• [Problem statement]:
Tell how many lines in the data contain the string "PredefinedType", using a single number as the whole reply.

=== Begin Enclosure ===

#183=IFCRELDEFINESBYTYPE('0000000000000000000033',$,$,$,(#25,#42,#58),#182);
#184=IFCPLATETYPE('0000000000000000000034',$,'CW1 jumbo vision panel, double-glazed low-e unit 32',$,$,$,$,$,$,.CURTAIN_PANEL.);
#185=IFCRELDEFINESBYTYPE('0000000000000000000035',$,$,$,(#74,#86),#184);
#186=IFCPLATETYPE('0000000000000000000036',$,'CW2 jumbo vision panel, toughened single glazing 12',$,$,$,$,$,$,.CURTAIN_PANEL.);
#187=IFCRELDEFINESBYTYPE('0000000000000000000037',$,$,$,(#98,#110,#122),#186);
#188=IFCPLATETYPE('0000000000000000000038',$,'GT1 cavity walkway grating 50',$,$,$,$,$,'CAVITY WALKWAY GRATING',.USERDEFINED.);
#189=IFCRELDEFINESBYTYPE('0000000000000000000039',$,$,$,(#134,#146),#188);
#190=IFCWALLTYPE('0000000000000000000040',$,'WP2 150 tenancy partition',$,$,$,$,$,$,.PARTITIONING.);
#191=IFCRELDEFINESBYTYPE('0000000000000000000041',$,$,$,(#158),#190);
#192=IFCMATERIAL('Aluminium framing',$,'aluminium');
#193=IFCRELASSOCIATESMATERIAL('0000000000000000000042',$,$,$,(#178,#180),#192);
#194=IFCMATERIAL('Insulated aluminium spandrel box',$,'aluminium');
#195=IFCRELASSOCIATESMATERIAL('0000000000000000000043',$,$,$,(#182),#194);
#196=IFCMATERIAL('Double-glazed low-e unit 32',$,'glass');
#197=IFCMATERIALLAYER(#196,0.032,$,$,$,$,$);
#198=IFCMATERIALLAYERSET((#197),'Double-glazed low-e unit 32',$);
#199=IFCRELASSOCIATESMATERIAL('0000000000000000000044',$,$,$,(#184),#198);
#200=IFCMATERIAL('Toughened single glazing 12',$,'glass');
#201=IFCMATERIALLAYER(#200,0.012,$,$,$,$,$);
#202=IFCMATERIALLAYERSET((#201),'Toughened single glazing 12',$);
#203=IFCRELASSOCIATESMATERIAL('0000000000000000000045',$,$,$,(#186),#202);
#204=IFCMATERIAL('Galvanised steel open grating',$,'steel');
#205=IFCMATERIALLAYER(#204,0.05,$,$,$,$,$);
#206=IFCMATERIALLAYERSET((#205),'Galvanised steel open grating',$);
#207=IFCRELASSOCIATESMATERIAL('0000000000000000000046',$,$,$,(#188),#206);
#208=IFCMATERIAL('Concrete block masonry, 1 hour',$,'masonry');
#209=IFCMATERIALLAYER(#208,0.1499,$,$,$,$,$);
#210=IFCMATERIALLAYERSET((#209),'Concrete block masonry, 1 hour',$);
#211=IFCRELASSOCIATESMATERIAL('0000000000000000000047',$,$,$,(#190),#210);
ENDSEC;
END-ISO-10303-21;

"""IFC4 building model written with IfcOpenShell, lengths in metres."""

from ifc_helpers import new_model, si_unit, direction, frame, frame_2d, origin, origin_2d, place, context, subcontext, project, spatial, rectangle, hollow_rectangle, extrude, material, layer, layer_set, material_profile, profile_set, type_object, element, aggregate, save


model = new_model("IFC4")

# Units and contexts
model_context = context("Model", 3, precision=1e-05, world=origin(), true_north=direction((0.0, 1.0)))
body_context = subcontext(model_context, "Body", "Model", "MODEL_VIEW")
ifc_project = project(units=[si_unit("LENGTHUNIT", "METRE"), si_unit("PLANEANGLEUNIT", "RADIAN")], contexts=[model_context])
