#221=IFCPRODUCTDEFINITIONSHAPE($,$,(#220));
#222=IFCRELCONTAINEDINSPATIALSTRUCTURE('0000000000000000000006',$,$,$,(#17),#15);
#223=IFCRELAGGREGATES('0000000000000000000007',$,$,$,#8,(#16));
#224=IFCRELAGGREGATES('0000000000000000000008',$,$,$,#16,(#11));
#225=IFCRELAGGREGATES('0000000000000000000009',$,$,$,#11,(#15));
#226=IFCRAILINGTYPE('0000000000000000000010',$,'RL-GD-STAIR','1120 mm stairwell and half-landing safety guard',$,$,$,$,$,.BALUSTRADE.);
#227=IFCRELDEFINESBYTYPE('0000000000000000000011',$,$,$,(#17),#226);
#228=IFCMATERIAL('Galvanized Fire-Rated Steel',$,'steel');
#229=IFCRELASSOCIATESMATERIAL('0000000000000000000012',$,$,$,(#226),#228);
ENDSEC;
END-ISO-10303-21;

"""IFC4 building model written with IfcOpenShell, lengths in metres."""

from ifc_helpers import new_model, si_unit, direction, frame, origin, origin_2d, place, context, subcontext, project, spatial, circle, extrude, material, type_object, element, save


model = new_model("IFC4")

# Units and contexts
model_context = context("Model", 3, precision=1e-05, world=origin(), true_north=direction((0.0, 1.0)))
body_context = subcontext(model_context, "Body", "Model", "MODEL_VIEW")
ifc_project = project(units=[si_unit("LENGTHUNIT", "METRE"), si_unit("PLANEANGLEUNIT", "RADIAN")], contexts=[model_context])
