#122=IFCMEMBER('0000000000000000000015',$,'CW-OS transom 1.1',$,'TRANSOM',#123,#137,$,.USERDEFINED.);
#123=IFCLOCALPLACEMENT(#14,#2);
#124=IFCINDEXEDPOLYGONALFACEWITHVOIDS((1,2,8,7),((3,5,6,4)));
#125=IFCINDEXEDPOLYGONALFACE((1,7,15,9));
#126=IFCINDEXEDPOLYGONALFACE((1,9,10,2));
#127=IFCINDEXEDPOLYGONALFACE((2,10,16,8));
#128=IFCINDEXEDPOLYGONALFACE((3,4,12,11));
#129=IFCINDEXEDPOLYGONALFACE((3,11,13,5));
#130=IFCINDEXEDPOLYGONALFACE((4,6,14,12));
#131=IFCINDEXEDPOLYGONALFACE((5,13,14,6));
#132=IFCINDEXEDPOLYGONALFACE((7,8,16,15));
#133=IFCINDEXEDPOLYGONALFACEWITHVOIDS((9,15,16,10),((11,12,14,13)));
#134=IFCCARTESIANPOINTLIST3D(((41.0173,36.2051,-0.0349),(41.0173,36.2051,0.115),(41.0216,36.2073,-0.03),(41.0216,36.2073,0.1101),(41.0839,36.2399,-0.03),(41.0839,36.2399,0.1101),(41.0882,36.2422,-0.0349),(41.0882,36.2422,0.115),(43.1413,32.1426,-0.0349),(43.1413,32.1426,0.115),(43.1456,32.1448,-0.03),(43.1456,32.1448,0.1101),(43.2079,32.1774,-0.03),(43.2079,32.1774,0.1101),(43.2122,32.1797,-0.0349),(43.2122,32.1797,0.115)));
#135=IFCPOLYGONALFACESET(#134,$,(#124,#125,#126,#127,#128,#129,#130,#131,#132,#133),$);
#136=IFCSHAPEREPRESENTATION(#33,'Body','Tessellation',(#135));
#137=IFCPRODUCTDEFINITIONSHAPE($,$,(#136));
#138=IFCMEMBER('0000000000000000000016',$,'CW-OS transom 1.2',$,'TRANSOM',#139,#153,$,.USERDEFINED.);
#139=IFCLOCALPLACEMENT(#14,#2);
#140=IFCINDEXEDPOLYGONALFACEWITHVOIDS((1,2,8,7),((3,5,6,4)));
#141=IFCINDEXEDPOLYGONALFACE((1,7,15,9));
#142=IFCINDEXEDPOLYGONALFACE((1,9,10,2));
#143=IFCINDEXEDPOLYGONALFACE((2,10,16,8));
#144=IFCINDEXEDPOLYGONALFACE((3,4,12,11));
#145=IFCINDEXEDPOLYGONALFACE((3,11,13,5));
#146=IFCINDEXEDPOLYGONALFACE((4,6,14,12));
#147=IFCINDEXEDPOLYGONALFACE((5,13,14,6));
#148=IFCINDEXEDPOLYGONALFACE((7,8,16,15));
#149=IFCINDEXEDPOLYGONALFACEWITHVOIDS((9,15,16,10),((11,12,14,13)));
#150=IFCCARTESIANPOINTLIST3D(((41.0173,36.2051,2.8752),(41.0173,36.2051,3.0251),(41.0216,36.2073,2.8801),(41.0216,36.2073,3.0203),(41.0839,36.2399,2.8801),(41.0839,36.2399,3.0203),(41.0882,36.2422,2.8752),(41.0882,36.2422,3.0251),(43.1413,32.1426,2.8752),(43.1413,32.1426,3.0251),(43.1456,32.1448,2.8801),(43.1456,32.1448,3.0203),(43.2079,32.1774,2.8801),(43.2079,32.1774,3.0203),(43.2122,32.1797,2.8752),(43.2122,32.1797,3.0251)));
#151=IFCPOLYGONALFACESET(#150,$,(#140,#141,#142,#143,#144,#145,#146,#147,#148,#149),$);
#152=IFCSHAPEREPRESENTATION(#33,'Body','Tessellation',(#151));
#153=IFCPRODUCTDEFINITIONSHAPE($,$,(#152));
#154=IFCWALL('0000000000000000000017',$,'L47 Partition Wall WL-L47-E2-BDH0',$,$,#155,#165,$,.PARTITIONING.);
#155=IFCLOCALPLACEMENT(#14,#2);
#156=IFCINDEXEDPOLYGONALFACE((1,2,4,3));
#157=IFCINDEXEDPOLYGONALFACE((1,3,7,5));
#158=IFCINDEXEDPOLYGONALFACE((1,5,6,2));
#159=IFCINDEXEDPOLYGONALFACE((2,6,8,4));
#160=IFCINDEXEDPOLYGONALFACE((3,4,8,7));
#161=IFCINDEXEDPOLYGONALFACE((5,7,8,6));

=== End Enclosure ===
=== Begin Enclosure ===

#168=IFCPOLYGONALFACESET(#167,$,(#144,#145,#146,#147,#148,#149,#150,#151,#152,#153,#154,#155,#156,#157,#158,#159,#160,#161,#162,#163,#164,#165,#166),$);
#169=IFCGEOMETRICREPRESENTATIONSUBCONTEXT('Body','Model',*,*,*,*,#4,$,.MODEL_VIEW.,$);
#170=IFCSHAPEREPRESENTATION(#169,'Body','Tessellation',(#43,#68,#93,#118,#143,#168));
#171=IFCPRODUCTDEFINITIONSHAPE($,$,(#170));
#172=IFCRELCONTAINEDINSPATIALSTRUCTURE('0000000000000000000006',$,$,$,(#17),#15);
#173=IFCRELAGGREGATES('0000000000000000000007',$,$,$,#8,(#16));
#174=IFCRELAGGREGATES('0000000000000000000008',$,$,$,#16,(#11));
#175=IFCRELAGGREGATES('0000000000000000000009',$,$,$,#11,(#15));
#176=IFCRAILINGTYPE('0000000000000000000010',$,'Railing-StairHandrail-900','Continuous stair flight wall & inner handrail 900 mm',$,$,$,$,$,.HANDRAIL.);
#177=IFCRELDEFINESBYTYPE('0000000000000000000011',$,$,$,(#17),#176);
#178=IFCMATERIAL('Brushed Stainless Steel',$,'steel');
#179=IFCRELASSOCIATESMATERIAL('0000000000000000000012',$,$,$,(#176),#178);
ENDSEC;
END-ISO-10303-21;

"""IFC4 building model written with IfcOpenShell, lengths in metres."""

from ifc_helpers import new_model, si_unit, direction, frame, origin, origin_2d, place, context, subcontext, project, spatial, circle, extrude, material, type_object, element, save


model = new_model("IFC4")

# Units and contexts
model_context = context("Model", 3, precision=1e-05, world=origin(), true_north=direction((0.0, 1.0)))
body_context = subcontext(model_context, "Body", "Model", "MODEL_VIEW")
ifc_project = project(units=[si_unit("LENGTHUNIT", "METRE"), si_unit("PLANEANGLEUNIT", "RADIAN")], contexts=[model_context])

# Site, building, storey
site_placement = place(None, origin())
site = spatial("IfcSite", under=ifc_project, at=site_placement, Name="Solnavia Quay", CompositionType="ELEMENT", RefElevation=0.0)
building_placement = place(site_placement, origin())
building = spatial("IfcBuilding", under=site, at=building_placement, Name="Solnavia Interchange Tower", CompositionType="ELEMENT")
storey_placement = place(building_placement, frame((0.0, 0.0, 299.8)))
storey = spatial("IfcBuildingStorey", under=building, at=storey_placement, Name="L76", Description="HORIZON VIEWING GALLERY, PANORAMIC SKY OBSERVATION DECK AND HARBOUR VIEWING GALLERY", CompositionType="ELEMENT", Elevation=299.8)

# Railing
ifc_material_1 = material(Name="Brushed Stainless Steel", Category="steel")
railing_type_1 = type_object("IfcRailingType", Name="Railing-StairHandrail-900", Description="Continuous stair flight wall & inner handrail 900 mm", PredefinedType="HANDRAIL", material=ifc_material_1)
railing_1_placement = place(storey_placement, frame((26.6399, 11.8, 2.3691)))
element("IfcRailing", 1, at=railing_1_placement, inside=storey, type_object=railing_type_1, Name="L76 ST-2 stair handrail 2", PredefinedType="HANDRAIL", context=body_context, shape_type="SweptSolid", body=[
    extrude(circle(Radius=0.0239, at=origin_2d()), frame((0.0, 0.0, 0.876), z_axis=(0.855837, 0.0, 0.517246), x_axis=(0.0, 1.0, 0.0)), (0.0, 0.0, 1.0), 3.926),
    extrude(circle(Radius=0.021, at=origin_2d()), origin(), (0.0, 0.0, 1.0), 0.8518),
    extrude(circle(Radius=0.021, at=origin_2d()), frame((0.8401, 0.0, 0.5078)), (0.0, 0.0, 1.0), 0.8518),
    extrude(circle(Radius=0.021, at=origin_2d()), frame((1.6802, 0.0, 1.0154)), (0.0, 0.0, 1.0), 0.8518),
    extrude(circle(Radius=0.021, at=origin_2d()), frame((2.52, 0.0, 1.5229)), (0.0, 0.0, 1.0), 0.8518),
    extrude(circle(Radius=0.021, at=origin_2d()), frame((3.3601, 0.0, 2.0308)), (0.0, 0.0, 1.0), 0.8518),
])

=== End Enclosure ===
=== Begin Enclosure ===

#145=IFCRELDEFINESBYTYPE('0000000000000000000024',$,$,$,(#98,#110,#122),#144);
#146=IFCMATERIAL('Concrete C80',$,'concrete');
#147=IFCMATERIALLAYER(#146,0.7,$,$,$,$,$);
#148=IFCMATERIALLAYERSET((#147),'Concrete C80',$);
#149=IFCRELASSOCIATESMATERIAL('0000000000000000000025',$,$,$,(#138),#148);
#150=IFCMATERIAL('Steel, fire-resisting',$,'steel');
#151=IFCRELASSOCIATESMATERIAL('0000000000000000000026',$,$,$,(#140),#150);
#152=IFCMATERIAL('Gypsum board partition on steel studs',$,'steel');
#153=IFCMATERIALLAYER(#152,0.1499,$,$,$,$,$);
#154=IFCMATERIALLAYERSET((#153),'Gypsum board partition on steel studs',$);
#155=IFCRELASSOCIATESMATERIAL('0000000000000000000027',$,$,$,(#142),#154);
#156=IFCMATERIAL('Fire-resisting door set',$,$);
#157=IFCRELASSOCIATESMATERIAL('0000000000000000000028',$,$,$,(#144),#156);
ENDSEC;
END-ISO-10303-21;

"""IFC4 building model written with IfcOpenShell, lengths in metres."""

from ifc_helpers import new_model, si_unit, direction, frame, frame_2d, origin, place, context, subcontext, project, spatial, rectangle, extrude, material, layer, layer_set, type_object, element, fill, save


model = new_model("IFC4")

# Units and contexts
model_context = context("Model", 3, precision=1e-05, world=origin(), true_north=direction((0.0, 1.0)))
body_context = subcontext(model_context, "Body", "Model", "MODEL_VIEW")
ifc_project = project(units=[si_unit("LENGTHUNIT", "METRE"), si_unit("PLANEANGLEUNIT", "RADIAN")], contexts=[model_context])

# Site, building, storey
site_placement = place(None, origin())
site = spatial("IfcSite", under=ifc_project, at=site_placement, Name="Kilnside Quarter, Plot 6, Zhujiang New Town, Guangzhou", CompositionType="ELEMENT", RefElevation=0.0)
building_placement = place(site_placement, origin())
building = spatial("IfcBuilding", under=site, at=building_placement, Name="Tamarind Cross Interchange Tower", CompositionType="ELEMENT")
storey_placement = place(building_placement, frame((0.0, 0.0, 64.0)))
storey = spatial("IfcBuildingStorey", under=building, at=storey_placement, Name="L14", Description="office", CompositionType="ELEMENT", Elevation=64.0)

=== End Enclosure ===

• [Exercise solution]:
2